Please give back, word for word, each line from the start of the entries through the one in which "site at local" is found.

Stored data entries
.....

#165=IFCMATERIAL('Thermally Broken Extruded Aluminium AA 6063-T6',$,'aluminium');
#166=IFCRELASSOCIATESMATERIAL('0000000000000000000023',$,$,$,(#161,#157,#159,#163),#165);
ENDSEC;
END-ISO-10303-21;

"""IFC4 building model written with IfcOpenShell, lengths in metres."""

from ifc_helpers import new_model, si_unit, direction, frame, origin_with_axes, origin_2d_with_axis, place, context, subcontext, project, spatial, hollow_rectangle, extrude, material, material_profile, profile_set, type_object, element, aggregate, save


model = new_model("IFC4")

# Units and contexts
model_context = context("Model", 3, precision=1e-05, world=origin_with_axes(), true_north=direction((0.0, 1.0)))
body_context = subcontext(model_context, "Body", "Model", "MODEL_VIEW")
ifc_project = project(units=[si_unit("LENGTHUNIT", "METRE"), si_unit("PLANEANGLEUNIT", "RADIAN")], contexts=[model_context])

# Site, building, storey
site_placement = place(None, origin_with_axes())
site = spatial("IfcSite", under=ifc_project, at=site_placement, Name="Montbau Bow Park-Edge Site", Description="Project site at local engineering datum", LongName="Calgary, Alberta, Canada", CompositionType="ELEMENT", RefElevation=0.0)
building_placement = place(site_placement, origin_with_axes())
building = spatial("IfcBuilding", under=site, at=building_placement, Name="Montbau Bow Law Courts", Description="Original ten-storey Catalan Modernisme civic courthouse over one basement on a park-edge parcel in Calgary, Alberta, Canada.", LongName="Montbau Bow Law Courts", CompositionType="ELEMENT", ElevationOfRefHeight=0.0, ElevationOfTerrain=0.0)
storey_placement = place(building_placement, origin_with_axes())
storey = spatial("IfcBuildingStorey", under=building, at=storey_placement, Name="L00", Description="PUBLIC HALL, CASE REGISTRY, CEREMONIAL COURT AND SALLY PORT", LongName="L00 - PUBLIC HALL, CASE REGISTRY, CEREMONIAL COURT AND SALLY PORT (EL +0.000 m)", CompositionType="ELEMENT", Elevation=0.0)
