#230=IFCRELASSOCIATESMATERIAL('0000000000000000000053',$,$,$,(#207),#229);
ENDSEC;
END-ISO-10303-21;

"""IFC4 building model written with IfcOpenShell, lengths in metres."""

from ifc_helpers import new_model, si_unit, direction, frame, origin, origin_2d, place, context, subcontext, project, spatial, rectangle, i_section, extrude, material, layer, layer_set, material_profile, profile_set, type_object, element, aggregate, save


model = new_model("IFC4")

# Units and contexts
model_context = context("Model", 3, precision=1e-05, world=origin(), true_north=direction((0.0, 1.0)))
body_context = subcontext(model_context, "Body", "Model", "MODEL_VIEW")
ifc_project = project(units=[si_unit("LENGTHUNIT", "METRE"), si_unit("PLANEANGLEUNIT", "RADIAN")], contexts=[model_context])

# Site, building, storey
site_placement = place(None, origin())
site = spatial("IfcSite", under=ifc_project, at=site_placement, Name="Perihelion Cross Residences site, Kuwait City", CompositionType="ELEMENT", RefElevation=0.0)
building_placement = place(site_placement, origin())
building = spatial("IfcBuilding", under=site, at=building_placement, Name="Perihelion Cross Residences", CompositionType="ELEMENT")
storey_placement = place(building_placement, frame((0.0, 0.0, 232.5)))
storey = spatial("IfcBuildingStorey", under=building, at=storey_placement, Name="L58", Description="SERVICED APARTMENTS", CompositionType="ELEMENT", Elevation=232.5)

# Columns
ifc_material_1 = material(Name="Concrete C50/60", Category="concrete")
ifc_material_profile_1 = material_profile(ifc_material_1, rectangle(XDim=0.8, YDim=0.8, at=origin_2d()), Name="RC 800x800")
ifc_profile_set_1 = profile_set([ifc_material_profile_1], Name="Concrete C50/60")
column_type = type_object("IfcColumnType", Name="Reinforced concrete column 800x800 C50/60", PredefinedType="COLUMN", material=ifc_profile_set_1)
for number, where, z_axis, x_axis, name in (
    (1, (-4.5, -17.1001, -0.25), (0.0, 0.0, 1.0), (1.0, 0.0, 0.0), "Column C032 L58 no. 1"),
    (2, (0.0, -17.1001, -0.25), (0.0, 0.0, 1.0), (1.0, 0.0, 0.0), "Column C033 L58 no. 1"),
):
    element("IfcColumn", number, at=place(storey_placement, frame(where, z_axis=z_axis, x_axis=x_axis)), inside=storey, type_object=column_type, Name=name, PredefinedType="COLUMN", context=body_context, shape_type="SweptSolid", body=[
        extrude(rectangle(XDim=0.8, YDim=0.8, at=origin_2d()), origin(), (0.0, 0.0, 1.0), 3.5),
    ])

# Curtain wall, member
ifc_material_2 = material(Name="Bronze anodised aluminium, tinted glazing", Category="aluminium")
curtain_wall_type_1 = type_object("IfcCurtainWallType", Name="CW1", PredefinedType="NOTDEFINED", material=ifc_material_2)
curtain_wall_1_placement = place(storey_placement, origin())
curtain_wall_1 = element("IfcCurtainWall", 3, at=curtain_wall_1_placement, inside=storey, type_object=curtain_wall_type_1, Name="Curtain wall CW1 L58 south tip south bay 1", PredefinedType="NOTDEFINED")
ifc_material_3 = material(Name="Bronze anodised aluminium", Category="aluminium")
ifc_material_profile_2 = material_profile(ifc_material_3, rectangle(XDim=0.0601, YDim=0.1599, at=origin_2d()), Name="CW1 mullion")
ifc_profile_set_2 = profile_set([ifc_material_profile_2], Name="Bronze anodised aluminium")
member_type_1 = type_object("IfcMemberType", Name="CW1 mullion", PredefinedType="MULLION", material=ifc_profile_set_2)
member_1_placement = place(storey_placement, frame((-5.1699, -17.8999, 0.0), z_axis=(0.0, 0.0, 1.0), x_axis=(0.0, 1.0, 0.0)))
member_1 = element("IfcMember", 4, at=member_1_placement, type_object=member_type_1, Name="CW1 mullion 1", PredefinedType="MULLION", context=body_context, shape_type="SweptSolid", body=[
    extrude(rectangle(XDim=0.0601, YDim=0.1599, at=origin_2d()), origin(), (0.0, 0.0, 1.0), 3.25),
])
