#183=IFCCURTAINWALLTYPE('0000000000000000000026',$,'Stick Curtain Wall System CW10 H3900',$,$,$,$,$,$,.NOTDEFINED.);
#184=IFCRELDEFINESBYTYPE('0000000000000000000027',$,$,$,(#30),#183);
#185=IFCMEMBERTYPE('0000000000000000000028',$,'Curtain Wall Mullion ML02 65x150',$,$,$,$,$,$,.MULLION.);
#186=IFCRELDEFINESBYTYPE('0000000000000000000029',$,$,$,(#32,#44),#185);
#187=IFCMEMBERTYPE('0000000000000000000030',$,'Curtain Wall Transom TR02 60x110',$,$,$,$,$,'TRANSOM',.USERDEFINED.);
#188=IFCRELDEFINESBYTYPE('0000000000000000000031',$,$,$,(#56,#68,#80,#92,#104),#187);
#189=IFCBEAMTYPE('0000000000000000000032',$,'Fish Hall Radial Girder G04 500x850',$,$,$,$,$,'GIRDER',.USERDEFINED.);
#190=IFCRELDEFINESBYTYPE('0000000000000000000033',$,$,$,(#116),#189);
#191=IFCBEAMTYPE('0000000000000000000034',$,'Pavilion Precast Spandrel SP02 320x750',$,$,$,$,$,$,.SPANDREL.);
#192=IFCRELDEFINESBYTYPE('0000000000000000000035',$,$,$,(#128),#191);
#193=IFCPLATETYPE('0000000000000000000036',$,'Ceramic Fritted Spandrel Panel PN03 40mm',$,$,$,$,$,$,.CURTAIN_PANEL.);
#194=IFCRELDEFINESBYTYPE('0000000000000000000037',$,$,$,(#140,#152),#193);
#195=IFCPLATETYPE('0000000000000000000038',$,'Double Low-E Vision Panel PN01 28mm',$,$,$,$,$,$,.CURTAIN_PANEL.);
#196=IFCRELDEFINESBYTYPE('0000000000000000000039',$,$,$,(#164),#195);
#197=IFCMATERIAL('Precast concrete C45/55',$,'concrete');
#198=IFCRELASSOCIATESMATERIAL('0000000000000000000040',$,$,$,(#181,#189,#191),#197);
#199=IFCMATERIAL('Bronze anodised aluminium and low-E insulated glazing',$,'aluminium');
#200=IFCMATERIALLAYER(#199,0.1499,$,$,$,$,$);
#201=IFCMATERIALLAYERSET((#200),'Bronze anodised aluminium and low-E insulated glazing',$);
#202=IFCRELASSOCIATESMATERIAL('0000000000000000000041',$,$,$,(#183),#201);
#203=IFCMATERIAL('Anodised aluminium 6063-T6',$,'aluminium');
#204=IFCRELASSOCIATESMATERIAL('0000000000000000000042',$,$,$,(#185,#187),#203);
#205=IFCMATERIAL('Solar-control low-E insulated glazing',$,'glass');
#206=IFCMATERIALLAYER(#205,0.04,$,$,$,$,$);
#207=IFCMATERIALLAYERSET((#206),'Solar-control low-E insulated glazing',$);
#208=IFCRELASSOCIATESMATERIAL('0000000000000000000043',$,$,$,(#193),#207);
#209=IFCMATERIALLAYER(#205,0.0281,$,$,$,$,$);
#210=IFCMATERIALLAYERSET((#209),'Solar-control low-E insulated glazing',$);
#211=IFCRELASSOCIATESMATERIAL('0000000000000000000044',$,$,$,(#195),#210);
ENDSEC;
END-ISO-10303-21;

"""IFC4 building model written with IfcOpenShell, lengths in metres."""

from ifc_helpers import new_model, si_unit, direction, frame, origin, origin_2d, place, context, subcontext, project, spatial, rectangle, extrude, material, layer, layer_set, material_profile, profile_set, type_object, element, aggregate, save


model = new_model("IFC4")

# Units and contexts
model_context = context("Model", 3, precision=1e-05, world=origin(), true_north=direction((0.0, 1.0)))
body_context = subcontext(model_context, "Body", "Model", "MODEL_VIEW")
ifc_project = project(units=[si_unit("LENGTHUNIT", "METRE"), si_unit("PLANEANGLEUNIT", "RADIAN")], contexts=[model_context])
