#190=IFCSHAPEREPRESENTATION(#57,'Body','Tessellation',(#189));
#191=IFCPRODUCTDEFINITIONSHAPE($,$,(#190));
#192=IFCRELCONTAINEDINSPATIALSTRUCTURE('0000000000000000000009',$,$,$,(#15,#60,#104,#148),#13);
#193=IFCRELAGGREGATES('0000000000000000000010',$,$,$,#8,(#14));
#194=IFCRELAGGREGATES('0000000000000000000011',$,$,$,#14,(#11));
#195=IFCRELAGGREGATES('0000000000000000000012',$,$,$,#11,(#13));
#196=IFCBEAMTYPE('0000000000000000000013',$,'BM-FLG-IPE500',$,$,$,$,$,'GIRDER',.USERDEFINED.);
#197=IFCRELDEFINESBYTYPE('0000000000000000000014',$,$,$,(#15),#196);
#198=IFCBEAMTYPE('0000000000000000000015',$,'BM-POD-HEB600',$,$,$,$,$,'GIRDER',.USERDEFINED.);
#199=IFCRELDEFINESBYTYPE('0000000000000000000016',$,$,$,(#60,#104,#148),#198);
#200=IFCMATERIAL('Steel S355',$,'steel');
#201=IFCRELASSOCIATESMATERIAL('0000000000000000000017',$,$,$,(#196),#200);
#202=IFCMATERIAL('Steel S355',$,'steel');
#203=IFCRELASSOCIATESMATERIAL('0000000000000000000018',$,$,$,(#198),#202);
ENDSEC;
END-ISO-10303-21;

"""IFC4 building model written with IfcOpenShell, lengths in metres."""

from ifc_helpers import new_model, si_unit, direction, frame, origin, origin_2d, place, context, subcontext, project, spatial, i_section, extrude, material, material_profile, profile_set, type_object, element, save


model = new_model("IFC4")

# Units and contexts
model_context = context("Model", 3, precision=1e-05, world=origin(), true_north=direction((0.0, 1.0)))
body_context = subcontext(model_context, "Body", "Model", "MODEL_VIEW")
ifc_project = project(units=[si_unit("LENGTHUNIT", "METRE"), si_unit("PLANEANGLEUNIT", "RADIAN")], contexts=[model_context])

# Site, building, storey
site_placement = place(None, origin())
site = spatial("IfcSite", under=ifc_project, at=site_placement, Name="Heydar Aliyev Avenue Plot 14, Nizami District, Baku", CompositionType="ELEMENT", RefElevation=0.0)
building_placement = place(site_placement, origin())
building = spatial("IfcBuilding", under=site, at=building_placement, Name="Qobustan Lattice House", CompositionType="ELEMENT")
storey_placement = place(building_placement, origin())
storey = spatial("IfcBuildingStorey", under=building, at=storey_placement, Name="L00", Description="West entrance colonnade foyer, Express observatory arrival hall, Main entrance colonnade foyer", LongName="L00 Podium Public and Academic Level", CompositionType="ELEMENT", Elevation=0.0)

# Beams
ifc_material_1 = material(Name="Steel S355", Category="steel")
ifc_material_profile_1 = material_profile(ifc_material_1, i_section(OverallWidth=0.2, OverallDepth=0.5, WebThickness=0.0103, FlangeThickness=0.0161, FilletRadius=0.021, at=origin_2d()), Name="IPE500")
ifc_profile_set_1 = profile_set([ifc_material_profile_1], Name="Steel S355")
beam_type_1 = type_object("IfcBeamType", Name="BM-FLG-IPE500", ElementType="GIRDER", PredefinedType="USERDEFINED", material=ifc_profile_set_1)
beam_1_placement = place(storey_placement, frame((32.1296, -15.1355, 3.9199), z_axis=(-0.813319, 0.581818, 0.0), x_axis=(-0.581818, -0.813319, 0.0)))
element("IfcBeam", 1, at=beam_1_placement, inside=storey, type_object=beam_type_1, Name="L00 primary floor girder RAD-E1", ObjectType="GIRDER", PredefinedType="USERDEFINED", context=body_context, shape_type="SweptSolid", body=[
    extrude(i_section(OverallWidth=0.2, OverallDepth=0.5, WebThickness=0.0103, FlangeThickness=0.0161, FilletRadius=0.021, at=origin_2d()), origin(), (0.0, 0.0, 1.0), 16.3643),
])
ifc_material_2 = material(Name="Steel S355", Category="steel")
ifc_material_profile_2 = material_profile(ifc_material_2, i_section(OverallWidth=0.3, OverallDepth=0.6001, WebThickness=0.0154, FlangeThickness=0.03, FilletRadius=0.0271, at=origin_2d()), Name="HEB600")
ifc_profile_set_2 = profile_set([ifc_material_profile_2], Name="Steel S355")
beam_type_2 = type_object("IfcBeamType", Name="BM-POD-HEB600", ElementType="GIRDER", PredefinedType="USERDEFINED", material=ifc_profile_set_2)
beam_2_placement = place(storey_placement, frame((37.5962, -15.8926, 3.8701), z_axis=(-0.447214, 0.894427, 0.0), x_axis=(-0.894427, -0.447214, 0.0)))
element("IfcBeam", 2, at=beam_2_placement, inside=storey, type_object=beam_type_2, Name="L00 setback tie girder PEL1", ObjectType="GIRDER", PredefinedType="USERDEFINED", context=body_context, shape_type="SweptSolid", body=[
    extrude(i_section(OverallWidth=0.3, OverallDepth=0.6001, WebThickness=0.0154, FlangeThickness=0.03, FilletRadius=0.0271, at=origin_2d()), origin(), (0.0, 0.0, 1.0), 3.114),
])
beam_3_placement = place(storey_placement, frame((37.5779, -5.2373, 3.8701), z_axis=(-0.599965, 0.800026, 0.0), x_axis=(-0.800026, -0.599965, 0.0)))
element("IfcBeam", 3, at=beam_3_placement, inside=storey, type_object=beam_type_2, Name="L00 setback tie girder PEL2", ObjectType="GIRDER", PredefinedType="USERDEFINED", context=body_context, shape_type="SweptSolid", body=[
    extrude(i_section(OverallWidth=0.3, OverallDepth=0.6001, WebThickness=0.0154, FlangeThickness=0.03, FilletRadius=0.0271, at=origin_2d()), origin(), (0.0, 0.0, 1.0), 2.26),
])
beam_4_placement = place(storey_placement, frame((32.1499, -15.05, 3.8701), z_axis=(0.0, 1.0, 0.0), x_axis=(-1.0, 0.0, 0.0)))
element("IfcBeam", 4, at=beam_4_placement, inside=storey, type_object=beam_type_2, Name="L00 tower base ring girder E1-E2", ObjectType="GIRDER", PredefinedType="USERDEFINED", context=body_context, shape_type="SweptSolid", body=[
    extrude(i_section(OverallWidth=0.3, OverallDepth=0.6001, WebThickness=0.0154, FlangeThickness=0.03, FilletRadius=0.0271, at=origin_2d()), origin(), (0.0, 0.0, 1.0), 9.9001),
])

.....

RESPONSE BOX |
#165=IFCMATERIAL('Thermally Broken Extruded Aluminium AA 6063-T6',$,'aluminium');
#166=IFCRELASSOCIATESMATERIAL('0000000000000000000023',$,$,$,(#161,#157,#159,#163),#165);
ENDSEC;
END-ISO-10303-21;

"""IFC4 building model written with IfcOpenShell, lengths in metres."""

from ifc_helpers import new_model, si_unit, direction, frame, origin_with_axes, origin_2d_with_axis, place, context, subcontext, project, spatial, hollow_rectangle, extrude, material, material_profile, profile_set, type_object, element, aggregate, save


model = new_model("IFC4")

# Units and contexts
model_context = context("Model", 3, precision=1e-05, world=origin_with_axes(), true_north=direction((0.0, 1.0)))
body_context = subcontext(model_context, "Body", "Model", "MODEL_VIEW")
ifc_project = project(units=[si_unit("LENGTHUNIT", "METRE"), si_unit("PLANEANGLEUNIT", "RADIAN")], contexts=[model_context])

# Site, building, storey
site_placement = place(None, origin_with_axes())
site = spatial("IfcSite", under=ifc_project, at=site_placement, Name="Montbau Bow Park-Edge Site", Description="Project site at local engineering datum", LongName="Calgary, Alberta, Canada", CompositionType="ELEMENT", RefElevation=0.0)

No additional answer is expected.